**Work request:** Would you please copy each line below that includes the string "Concrete"?

**Material to process:**
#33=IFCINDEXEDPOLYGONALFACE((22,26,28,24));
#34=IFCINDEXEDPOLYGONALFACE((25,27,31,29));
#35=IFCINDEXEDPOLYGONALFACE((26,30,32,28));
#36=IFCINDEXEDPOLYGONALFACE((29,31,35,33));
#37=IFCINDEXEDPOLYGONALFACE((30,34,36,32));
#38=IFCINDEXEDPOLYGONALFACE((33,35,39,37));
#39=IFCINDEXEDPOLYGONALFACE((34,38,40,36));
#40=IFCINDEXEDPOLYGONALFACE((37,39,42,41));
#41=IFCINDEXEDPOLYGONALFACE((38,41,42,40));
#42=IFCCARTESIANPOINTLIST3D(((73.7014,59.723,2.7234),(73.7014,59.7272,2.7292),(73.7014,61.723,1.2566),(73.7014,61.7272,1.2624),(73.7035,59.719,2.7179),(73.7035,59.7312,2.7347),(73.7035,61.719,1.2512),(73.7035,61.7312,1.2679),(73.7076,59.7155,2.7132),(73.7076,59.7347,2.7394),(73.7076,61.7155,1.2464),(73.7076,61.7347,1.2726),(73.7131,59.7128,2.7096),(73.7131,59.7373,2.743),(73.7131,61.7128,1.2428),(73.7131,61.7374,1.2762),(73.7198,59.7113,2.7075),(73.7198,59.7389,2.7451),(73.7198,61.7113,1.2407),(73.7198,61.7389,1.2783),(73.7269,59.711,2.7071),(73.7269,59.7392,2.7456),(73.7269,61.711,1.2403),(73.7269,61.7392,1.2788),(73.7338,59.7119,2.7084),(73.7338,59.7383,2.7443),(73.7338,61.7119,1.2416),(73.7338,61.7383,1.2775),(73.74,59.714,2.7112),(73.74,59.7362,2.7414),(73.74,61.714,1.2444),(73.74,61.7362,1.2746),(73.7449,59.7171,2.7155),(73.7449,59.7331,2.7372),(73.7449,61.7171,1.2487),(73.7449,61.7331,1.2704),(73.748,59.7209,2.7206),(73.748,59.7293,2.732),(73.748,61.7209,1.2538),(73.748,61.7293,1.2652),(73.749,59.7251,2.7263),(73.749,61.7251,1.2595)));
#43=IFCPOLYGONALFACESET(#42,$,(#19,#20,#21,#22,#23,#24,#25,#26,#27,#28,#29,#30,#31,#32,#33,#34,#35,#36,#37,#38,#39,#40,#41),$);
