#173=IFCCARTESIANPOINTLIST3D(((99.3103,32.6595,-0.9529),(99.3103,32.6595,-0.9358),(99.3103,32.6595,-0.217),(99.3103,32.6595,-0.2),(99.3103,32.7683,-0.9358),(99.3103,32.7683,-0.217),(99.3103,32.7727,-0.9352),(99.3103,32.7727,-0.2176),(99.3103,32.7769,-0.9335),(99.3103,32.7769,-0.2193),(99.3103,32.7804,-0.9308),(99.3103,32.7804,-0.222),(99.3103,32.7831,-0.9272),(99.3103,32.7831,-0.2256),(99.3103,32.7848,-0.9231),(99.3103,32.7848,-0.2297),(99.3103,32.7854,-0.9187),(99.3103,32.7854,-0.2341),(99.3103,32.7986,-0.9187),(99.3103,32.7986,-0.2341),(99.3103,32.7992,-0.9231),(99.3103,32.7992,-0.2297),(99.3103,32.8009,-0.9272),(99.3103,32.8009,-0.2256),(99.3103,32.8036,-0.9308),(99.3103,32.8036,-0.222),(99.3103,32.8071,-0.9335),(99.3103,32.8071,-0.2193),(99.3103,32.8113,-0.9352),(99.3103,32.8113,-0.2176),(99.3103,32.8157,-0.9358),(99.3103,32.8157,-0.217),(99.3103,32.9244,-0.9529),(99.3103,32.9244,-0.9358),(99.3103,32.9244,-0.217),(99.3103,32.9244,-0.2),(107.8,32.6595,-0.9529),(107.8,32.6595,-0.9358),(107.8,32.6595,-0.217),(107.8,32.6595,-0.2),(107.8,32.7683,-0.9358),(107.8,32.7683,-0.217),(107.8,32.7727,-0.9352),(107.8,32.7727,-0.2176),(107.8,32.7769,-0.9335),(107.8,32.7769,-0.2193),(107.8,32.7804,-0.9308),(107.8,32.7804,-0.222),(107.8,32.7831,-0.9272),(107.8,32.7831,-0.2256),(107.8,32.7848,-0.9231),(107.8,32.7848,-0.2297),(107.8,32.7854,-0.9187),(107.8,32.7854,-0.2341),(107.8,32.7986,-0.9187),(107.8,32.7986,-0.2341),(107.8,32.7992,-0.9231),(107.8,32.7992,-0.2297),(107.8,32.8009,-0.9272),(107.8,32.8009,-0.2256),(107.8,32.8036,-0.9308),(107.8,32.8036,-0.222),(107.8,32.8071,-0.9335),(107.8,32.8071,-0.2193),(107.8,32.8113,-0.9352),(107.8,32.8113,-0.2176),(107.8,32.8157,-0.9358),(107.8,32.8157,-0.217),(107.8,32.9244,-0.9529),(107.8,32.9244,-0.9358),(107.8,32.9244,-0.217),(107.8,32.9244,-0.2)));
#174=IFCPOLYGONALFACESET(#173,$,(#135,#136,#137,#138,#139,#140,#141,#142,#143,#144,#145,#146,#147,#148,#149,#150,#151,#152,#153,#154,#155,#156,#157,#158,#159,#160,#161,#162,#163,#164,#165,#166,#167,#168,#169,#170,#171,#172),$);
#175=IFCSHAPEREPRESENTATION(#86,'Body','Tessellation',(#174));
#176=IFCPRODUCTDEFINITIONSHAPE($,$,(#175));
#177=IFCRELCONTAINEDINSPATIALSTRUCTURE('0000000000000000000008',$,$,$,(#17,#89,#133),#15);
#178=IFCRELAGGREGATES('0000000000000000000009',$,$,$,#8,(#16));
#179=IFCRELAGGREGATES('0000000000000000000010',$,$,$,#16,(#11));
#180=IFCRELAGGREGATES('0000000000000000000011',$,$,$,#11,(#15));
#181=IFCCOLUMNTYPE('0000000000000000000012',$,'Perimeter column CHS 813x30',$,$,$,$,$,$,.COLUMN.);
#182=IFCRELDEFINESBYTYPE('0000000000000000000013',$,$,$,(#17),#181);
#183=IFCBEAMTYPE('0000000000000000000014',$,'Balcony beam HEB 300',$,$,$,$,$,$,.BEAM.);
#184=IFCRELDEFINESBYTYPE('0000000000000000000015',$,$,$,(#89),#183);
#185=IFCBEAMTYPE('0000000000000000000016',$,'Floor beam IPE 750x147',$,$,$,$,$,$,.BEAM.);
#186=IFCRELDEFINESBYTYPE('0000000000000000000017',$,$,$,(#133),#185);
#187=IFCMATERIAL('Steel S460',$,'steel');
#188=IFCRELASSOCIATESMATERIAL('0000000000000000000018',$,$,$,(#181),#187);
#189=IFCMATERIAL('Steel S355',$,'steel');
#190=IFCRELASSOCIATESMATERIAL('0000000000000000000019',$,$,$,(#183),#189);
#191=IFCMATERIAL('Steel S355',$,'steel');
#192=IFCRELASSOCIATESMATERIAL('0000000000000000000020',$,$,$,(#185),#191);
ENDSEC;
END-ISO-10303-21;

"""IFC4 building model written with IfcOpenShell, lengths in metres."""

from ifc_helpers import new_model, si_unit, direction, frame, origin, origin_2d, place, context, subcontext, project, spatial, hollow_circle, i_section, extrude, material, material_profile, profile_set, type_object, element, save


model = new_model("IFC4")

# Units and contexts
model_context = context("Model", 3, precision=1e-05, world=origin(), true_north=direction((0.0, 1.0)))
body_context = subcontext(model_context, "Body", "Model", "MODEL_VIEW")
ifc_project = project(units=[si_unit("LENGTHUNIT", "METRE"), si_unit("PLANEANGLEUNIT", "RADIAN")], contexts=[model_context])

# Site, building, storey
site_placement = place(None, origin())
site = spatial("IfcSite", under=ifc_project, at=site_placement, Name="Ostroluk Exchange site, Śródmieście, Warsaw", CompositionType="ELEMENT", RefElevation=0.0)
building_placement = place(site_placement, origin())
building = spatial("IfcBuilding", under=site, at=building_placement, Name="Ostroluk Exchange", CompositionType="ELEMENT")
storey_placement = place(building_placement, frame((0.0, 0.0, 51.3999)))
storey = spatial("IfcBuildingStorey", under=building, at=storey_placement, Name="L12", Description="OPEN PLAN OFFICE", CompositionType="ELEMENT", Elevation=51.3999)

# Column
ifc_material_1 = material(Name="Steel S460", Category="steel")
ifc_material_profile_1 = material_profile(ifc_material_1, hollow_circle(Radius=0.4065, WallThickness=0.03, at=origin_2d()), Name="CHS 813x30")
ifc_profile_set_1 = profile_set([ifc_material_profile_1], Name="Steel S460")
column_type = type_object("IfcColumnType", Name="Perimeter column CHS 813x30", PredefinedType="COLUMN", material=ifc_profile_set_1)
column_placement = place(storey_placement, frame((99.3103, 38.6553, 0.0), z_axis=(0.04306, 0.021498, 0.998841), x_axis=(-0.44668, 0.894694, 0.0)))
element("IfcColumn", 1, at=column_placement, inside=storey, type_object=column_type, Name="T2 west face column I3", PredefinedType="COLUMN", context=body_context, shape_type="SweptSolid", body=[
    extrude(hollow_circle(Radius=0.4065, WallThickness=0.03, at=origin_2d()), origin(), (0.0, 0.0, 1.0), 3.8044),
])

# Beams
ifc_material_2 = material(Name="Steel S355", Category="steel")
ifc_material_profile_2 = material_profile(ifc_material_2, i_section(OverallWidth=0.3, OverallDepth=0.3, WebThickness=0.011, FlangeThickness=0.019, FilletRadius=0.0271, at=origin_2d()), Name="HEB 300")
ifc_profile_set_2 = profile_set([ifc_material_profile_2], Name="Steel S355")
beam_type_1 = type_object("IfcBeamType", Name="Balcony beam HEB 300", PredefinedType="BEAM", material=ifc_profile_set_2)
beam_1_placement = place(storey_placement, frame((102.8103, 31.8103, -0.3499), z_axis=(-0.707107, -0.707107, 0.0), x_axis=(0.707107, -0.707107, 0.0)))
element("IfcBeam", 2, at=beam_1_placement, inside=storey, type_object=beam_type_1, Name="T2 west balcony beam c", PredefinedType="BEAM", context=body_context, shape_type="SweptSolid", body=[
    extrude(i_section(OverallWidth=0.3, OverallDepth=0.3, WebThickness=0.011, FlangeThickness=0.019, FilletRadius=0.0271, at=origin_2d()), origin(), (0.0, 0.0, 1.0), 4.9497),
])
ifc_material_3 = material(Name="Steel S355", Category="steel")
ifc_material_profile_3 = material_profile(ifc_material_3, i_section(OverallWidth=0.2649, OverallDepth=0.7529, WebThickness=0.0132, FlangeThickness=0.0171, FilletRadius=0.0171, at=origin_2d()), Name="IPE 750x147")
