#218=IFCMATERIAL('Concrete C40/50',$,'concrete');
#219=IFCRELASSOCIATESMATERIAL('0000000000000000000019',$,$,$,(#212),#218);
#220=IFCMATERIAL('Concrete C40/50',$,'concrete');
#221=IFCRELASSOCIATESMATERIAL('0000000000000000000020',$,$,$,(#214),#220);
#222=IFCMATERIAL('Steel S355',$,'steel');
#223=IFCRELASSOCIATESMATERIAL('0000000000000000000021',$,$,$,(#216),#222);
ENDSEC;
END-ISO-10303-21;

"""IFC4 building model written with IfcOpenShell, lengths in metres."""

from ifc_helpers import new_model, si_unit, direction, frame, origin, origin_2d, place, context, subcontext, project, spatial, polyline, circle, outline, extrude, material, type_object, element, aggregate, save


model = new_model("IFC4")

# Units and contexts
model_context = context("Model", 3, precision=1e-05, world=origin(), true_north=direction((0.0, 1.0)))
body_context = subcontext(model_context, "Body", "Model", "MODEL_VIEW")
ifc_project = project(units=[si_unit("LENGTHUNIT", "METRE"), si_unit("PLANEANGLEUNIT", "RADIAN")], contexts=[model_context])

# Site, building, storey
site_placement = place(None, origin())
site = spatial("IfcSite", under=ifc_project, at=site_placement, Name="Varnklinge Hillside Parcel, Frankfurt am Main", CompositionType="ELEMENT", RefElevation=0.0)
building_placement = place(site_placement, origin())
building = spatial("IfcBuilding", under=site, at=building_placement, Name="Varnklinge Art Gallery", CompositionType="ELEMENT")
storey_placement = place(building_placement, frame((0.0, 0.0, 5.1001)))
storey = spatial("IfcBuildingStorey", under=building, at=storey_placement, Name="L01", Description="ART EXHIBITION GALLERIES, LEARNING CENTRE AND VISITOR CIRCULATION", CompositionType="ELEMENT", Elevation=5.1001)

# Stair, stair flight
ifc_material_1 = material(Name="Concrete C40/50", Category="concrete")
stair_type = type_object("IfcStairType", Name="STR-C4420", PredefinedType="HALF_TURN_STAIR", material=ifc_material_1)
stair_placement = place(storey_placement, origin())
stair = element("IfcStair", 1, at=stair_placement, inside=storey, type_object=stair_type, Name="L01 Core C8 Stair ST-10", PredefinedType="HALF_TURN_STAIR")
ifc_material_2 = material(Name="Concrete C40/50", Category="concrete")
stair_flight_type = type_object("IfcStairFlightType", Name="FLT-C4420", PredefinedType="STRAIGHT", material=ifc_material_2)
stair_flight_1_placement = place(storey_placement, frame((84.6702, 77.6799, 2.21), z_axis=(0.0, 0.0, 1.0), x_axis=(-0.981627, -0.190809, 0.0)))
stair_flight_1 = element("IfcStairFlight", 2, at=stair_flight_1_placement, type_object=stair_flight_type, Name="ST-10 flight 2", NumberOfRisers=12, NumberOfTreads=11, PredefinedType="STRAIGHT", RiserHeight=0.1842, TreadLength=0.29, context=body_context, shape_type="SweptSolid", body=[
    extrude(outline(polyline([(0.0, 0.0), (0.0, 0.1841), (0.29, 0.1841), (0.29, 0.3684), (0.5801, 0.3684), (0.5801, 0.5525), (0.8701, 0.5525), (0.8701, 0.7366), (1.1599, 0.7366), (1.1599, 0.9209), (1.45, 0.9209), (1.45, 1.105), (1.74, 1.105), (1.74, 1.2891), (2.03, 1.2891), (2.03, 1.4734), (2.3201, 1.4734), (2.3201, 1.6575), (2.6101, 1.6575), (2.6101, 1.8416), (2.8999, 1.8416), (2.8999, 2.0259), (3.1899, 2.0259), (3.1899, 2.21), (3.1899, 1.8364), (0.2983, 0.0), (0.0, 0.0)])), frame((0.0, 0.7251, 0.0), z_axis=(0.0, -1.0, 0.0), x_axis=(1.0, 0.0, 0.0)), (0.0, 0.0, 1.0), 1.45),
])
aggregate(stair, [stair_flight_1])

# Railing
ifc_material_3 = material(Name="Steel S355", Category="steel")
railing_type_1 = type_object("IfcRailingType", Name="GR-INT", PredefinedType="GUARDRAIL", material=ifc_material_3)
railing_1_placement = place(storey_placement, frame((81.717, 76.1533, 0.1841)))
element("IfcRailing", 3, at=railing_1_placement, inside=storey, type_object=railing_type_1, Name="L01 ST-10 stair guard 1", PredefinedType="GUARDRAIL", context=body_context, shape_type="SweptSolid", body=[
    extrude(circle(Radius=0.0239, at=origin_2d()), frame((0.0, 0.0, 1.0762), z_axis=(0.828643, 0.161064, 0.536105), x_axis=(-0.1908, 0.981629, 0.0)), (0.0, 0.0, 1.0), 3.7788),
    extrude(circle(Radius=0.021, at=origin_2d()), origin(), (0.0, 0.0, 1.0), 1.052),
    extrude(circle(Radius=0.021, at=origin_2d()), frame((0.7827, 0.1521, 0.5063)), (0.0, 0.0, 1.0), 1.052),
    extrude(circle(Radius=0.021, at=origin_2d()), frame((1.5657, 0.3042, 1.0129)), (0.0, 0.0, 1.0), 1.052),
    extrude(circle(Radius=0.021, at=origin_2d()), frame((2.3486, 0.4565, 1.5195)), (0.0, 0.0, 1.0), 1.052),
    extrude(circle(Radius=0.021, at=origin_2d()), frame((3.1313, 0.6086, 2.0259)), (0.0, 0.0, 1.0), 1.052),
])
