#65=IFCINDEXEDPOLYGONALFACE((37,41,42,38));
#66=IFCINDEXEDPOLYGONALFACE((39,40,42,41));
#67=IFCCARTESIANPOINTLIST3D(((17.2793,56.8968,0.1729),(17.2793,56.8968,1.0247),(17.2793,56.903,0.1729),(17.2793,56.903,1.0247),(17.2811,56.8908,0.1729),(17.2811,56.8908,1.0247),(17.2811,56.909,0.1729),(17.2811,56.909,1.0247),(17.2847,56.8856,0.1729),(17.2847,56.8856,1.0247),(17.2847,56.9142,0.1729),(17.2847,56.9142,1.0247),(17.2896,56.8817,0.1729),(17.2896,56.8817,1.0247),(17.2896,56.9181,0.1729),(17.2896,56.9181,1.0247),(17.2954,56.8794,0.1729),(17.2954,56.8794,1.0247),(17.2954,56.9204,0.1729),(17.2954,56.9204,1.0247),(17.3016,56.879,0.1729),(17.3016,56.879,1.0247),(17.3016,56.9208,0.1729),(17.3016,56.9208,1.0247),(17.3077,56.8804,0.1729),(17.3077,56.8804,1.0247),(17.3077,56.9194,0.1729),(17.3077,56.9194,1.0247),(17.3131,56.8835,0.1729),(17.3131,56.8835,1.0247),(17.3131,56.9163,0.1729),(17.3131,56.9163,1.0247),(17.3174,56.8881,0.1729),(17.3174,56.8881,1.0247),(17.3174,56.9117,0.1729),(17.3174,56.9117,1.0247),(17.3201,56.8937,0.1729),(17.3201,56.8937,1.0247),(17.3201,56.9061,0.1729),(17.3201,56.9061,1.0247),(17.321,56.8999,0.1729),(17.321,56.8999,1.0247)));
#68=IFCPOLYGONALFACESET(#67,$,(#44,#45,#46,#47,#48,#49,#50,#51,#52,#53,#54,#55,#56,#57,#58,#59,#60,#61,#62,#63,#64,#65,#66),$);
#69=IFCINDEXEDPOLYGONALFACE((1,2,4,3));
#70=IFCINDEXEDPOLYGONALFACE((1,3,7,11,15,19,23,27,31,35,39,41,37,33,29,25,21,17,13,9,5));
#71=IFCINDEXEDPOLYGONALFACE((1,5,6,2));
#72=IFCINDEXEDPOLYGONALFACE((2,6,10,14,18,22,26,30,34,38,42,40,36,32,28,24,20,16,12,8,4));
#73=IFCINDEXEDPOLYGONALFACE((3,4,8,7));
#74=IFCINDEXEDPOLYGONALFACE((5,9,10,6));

**Answer to this task:**
#218=IFCMATERIAL('Concrete C40/50',$,'concrete');
#220=IFCMATERIAL('Concrete C40/50',$,'concrete');
ifc_material_1 = material(Name="Concrete C40/50", Category="concrete")
ifc_material_2 = material(Name="Concrete C40/50", Category="concrete")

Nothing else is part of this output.